_The data_:

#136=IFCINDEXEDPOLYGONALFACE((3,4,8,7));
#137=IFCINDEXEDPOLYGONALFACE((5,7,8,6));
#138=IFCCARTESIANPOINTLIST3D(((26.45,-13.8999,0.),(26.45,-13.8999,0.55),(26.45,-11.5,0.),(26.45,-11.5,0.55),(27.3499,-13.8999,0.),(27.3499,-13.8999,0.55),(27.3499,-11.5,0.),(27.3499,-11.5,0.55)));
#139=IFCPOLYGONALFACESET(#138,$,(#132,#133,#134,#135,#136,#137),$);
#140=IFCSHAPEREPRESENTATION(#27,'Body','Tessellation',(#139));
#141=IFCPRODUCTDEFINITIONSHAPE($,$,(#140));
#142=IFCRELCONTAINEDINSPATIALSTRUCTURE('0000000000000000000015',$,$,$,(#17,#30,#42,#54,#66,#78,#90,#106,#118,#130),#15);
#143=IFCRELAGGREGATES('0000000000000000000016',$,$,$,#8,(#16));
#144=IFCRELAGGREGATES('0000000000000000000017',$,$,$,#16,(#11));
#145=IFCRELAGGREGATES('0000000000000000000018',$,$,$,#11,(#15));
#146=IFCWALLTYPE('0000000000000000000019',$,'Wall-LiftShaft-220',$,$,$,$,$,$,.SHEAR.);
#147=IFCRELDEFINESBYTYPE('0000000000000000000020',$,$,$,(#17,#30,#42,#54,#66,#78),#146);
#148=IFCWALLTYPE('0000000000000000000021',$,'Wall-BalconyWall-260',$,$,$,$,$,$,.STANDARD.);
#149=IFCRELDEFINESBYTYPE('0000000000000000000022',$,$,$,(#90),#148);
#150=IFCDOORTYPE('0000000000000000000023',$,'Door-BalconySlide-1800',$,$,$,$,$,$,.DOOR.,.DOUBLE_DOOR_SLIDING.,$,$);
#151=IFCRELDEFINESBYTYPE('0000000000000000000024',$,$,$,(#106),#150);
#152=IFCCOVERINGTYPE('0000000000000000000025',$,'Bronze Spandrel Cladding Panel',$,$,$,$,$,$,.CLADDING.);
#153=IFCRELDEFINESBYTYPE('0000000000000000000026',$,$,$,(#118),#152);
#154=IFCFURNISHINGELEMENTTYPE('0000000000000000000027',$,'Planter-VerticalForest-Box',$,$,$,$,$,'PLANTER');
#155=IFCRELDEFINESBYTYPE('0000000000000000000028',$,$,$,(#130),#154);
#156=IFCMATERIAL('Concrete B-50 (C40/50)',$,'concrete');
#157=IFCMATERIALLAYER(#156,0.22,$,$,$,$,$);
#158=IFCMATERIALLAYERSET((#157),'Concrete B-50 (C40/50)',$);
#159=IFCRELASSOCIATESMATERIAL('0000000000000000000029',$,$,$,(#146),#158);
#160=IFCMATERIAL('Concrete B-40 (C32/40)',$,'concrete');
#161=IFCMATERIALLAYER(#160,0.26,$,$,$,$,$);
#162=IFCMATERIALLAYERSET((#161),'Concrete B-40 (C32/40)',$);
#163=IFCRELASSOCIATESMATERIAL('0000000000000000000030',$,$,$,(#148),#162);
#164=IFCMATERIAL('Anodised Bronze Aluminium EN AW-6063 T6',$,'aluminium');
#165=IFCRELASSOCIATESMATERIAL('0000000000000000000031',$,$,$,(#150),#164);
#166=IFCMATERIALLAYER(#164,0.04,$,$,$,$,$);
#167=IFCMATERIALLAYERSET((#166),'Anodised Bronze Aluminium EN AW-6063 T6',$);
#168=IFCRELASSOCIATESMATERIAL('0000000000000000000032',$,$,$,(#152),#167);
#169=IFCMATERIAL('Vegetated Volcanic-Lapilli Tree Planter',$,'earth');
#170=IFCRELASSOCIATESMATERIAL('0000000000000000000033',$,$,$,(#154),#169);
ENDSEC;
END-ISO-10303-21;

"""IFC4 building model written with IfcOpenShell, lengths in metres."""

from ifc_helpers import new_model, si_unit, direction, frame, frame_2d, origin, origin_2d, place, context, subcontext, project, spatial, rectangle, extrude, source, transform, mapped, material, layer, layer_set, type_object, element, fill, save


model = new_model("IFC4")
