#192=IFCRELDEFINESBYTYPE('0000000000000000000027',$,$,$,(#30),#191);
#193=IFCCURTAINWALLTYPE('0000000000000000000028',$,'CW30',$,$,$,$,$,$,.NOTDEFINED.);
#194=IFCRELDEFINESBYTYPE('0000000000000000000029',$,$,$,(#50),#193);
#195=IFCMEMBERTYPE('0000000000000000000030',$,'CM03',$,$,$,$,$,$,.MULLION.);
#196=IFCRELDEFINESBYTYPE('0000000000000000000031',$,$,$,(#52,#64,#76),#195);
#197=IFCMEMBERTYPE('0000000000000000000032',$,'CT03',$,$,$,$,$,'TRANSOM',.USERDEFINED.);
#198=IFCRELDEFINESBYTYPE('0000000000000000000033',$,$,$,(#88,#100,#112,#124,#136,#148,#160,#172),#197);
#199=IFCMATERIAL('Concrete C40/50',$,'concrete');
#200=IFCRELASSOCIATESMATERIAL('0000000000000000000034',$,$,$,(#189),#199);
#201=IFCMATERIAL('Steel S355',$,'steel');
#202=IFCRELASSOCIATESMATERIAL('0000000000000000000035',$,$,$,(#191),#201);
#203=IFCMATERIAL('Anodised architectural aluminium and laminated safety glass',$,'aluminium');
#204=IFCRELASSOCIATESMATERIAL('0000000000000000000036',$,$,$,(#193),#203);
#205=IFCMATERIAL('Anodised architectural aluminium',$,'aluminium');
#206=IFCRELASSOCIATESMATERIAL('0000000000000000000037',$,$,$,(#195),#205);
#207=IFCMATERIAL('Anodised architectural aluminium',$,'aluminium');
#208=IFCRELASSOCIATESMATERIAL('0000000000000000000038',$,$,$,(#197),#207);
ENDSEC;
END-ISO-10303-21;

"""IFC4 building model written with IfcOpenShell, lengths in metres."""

_Task to complete_: All that belongs in your answer is the stretch of entries above from the line with "#143=IFCRELAGGREGATES('0000000000000000000016',$,$,$,#8,(#16));" through the line with "#145=IFCRELAGGREGATES('0000000000000000000018',$,$,$,#11,(#15));", printed exactly.

_Result for this exercise_:
#143=IFCRELAGGREGATES('0000000000000000000016',$,$,$,#8,(#16));
#144=IFCRELAGGREGATES('0000000000000000000017',$,$,$,#16,(#11));
#145=IFCRELAGGREGATES('0000000000000000000018',$,$,$,#11,(#15));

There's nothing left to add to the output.